■ YOUR ASSIGNMENT
Use the entries below and reproduce exactly the lines from the one containing "#73=IFCINDEXEDPOLYGONALFACE((5,7,8,6));" down to the one containing "#92=IFCINDEXEDPOLYGONALFACE((1,2,4,3));", both of them included.

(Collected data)
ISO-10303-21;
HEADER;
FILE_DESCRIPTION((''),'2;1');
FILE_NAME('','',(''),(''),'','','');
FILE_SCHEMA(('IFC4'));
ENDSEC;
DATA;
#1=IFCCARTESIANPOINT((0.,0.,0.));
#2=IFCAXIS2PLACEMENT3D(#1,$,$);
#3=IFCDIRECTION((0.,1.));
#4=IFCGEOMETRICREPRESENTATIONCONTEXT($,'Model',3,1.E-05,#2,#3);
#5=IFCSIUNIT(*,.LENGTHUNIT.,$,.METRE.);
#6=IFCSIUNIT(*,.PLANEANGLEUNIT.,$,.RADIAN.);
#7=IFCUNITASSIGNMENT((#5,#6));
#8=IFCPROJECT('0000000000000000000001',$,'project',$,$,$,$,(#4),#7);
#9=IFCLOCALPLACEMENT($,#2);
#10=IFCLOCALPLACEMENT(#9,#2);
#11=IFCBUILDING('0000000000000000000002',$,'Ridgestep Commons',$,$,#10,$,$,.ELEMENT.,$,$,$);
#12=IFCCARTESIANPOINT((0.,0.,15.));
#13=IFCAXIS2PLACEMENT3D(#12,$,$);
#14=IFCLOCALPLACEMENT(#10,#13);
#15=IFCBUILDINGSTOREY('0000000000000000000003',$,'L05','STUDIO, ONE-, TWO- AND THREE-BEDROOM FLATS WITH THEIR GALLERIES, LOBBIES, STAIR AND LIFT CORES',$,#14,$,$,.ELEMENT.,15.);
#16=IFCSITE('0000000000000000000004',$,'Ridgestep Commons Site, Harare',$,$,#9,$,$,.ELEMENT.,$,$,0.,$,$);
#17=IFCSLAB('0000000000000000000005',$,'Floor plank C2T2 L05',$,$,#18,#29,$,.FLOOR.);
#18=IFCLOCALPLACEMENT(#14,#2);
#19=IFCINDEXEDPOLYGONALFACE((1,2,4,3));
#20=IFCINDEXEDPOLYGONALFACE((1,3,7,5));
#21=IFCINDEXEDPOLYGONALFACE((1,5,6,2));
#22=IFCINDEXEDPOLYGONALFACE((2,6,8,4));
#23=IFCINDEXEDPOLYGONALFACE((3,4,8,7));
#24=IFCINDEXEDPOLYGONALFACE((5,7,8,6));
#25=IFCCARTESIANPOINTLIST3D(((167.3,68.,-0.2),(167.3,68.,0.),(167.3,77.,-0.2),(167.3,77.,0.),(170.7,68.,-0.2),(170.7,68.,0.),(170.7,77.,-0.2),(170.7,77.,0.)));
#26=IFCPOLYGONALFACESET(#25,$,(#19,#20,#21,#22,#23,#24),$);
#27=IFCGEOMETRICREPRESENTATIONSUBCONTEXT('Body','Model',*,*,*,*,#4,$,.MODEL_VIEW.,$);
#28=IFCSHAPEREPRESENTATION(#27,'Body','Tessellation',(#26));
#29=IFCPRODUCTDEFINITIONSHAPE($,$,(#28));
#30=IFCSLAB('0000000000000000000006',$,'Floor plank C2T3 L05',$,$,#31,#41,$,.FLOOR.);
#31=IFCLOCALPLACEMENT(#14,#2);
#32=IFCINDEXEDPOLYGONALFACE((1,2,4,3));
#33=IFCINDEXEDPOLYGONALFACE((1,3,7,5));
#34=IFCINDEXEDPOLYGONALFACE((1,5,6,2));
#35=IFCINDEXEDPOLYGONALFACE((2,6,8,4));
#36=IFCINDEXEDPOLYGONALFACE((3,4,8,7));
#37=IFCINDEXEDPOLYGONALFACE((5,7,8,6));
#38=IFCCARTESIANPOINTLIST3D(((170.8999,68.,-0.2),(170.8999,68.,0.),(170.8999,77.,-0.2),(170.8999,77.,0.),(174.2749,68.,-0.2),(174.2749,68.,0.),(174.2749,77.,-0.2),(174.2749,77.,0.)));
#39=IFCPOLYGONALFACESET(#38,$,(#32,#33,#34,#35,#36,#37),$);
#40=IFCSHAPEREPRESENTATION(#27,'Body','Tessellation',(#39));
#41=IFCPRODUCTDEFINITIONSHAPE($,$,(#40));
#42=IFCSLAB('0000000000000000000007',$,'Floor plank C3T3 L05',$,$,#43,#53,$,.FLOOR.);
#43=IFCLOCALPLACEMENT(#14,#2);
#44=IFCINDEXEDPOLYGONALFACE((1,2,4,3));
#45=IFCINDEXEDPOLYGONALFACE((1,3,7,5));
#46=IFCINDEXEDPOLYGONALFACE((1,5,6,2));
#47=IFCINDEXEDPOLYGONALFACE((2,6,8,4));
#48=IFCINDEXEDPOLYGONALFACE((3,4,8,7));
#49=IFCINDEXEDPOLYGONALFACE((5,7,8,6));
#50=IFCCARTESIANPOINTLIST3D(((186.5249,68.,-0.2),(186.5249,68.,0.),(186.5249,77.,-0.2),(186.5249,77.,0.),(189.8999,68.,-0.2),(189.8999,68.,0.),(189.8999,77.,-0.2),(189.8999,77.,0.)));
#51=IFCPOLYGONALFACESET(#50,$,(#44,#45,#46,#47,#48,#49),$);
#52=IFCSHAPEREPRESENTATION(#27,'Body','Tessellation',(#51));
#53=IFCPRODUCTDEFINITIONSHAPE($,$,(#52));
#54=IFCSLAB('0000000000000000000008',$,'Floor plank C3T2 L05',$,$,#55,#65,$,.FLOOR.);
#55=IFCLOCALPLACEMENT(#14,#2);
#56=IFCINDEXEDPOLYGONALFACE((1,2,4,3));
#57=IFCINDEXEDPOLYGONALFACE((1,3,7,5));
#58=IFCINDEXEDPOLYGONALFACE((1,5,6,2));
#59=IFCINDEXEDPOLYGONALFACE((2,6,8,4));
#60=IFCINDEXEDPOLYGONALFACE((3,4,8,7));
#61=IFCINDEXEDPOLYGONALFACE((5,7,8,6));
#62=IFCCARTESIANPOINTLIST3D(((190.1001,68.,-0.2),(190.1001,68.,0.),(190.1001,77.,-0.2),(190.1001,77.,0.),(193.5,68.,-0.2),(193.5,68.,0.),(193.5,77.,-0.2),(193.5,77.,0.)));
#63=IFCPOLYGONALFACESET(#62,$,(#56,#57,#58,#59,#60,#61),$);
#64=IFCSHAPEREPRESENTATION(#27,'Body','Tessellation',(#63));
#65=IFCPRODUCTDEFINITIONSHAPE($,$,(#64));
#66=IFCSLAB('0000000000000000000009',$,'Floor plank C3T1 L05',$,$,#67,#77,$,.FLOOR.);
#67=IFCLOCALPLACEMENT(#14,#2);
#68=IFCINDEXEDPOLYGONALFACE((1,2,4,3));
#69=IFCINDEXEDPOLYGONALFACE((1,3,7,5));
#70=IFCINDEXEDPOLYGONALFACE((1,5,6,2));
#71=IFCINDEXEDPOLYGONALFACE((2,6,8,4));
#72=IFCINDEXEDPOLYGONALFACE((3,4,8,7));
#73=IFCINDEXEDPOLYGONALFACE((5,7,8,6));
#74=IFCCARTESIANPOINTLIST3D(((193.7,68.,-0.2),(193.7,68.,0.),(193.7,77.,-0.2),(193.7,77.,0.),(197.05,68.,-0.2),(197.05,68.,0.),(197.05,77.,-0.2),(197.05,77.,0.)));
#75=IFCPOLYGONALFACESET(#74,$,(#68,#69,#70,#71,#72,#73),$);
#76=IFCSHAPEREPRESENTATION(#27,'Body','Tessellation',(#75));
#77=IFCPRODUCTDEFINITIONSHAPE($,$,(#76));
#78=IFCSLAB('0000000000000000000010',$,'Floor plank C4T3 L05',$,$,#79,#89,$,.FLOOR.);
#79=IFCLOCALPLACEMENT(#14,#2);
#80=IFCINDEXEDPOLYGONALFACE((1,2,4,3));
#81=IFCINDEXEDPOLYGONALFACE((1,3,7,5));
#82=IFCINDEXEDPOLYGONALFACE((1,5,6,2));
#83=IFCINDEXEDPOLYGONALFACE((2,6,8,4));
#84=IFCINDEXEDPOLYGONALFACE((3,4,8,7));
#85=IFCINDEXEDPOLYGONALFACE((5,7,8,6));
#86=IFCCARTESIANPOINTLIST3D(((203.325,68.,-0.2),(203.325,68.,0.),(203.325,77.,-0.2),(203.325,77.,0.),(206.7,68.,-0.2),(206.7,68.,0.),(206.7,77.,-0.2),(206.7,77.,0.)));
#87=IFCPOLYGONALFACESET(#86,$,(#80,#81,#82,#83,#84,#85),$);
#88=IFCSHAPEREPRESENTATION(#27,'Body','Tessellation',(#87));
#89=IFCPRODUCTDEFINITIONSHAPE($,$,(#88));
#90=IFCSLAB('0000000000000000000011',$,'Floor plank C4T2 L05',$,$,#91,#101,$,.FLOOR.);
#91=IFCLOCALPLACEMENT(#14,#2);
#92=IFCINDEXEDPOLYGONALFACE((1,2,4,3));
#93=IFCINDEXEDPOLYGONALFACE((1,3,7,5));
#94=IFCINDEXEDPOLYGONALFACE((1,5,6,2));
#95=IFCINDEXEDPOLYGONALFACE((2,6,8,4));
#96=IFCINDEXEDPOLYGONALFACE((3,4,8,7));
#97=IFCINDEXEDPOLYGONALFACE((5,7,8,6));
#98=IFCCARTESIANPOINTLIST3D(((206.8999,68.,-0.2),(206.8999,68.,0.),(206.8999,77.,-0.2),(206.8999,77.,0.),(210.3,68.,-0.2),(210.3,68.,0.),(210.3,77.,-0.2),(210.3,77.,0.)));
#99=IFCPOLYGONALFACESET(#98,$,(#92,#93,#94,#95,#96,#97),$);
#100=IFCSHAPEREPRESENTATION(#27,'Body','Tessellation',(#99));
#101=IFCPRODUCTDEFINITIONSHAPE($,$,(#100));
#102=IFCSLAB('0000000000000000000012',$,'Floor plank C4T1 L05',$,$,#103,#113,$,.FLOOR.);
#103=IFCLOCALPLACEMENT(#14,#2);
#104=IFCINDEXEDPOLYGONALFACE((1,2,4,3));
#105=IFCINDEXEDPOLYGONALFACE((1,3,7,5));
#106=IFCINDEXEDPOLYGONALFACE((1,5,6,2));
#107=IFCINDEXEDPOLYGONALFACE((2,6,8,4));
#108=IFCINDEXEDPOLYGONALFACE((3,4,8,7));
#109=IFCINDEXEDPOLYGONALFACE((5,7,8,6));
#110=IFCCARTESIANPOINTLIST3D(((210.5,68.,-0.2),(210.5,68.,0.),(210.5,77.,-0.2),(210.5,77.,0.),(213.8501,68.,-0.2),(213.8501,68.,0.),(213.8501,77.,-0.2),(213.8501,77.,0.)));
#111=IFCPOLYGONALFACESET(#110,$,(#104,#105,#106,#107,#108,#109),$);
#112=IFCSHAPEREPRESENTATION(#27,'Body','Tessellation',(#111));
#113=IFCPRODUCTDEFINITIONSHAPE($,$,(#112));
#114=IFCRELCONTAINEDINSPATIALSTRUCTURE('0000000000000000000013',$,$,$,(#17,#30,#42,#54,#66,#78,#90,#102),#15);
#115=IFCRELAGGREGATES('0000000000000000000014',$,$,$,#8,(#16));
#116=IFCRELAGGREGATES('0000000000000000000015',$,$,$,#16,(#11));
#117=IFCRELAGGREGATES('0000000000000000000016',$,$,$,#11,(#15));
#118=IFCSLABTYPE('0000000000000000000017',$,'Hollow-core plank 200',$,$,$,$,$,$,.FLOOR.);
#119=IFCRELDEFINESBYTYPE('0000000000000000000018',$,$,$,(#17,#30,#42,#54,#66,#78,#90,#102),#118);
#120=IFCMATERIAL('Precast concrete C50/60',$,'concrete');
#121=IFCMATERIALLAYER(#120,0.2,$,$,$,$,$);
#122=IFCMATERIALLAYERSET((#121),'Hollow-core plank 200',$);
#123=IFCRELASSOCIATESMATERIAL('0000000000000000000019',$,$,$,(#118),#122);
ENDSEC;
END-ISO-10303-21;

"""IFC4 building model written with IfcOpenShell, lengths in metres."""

from ifc_helpers import new_model, si_unit, direction, frame, origin, place, context, subcontext, project, spatial, polyline, outline, extrude, material, layer, layer_set, type_object, element, save


model = new_model("IFC4")

# Units and contexts
model_context = context("Model", 3, precision=1e-05, world=origin(), true_north=direction((0.0, 1.0)))
body_context = subcontext(model_context, "Body", "Model", "MODEL_VIEW")
ifc_project = project(units=[si_unit("LENGTHUNIT", "METRE"), si_unit("PLANEANGLEUNIT", "RADIAN")], contexts=[model_context])

# Site, building, storey
site_placement = place(None, origin())
site = spatial("IfcSite", under=ifc_project, at=site_placement, Name="Ridgestep Commons Site, Harare", CompositionType="ELEMENT", RefElevation=0.0)
building_placement = place(site_placement, origin())
building = spatial("IfcBuilding", under=site, at=building_placement, Name="Ridgestep Commons", CompositionType="ELEMENT")
storey_placement = place(building_placement, frame((0.0, 0.0, 15.0)))
storey = spatial("IfcBuildingStorey", under=building, at=storey_placement, Name="L05", Description="STUDIO, ONE-, TWO- AND THREE-BEDROOM FLATS WITH THEIR GALLERIES, LOBBIES, STAIR AND LIFT CORES", CompositionType="ELEMENT", Elevation=15.0)

# Slabs
ifc_material_1 = material(Name="Precast concrete C50/60", Category="concrete")
ifc_layer_1 = layer(ifc_material_1, 0.2)
ifc_layer_set_1 = layer_set([ifc_layer_1], Name="Hollow-core plank 200")
slab_type_1 = type_object("IfcSlabType", Name="Hollow-core plank 200", PredefinedType="FLOOR", material=ifc_layer_set_1)
slab_1_placement = place(storey_placement, frame((0.0, 0.0, -0.2)))
element("IfcSlab", 1, at=slab_1_placement, inside=storey, type_object=slab_type_1, Name="Floor plank C2T2 L05", PredefinedType="FLOOR", context=body_context, shape_type="SweptSolid", body=[
    extrude(outline(polyline([(170.7, 68.0), (170.7, 77.0), (167.3, 77.0), (167.3, 68.0), (170.7, 68.0)])), origin(), (0.0, 0.0, 1.0), 0.2),
])
slab_2_placement = place(storey_placement, frame((0.0, 0.0, -0.2)))
element("IfcSlab", 2, at=slab_2_placement, inside=storey, type_object=slab_type_1, Name="Floor plank C2T3 L05", PredefinedType="FLOOR", context=body_context, shape_type="SweptSolid", body=[
    extrude(outline(polyline([(174.2749, 68.0), (174.2749, 77.0), (170.8999, 77.0), (170.8999, 68.0), (174.2749, 68.0)])), origin(), (0.0, 0.0, 1.0), 0.2),
])
slab_3_placement = place(storey_placement, frame((0.0, 0.0, -0.2)))
element("IfcSlab", 3, at=slab_3_placement, inside=storey, type_object=slab_type_1, Name="Floor plank C3T3 L05", PredefinedType="FLOOR", context=body_context, shape_type="SweptSolid", body=[
    extrude(outline(polyline([(189.8999, 68.0), (189.8999, 77.0), (186.5249, 77.0), (186.5249, 68.0), (189.8999, 68.0)])), origin(), (0.0, 0.0, 1.0), 0.2),
])
slab_4_placement = place(storey_placement, frame((0.0, 0.0, -0.2)))
element("IfcSlab", 4, at=slab_4_placement, inside=storey, type_object=slab_type_1, Name="Floor plank C3T2 L05", PredefinedType="FLOOR", context=body_context, shape_type="SweptSolid", body=[
    extrude(outline(polyline([(193.5, 68.0), (193.5, 77.0), (190.1001, 77.0), (190.1001, 68.0), (193.5, 68.0)])), origin(), (0.0, 0.0, 1.0), 0.2),
])
slab_5_placement = place(storey_placement, frame((0.0, 0.0, -0.2)))
element("IfcSlab", 5, at=slab_5_placement, inside=storey, type_object=slab_type_1, Name="Floor plank C3T1 L05", PredefinedType="FLOOR", context=body_context, shape_type="SweptSolid", body=[
    extrude(outline(polyline([(197.05, 68.0), (197.05, 77.0), (193.7, 77.0), (193.7, 68.0), (197.05, 68.0)])), origin(), (0.0, 0.0, 1.0), 0.2),
])
slab_6_placement = place(storey_placement, frame((0.0, 0.0, -0.2)))
element("IfcSlab", 6, at=slab_6_placement, inside=storey, type_object=slab_type_1, Name="Floor plank C4T3 L05", PredefinedType="FLOOR", context=body_context, shape_type="SweptSolid", body=[
    extrude(outline(polyline([(206.7, 68.0), (206.7, 77.0), (203.325, 77.0), (203.325, 68.0), (206.7, 68.0)])), origin(), (0.0, 0.0, 1.0), 0.2),
])
slab_7_placement = place(storey_placement, frame((0.0, 0.0, -0.2)))
element("IfcSlab", 7, at=slab_7_placement, inside=storey, type_object=slab_type_1, Name="Floor plank C4T2 L05", PredefinedType="FLOOR", context=body_context, shape_type="SweptSolid", body=[
    extrude(outline(polyline([(210.3, 68.0), (210.3, 77.0), (206.8999, 77.0), (206.8999, 68.0), (210.3, 68.0)])), origin(), (0.0, 0.0, 1.0), 0.2),
])
slab_8_placement = place(storey_placement, frame((0.0, 0.0, -0.2)))
element("IfcSlab", 8, at=slab_8_placement, inside=storey, type_object=slab_type_1, Name="Floor plank C4T1 L05", PredefinedType="FLOOR", context=body_context, shape_type="SweptSolid", body=[
    extrude(outline(polyline([(213.8501, 68.0), (213.8501, 77.0), (210.5, 77.0), (210.5, 68.0), (213.8501, 68.0)])), origin(), (0.0, 0.0, 1.0), 0.2),
])

save(model, "model.ifc")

■ TASK RESULT
#73=IFCINDEXEDPOLYGONALFACE((5,7,8,6));
#74=IFCCARTESIANPOINTLIST3D(((193.7,68.,-0.2),(193.7,68.,0.),(193.7,77.,-0.2),(193.7,77.,0.),(197.05,68.,-0.2),(197.05,68.,0.),(197.05,77.,-0.2),(197.05,77.,0.)));
#75=IFCPOLYGONALFACESET(#74,$,(#68,#69,#70,#71,#72,#73),$);
#76=IFCSHAPEREPRESENTATION(#27,'Body','Tessellation',(#75));
#77=IFCPRODUCTDEFINITIONSHAPE($,$,(#76));
#78=IFCSLAB('0000000000000000000010',$,'Floor plank C4T3 L05',$,$,#79,#89,$,.FLOOR.);
#79=IFCLOCALPLACEMENT(#14,#2);
#80=IFCINDEXEDPOLYGONALFACE((1,2,4,3));
#81=IFCINDEXEDPOLYGONALFACE((1,3,7,5));
#82=IFCINDEXEDPOLYGONALFACE((1,5,6,2));
#83=IFCINDEXEDPOLYGONALFACE((2,6,8,4));
#84=IFCINDEXEDPOLYGONALFACE((3,4,8,7));
#85=IFCINDEXEDPOLYGONALFACE((5,7,8,6));
#86=IFCCARTESIANPOINTLIST3D(((203.325,68.,-0.2),(203.325,68.,0.),(203.325,77.,-0.2),(203.325,77.,0.),(206.7,68.,-0.2),(206.7,68.,0.),(206.7,77.,-0.2),(206.7,77.,0.)));
#87=IFCPOLYGONALFACESET(#86,$,(#80,#81,#82,#83,#84,#85),$);
#88=IFCSHAPEREPRESENTATION(#27,'Body','Tessellation',(#87));
#89=IFCPRODUCTDEFINITIONSHAPE($,$,(#88));
#90=IFCSLAB('0000000000000000000011',$,'Floor plank C4T2 L05',$,$,#91,#101,$,.FLOOR.);
#91=IFCLOCALPLACEMENT(#14,#2);
#92=IFCINDEXEDPOLYGONALFACE((1,2,4,3));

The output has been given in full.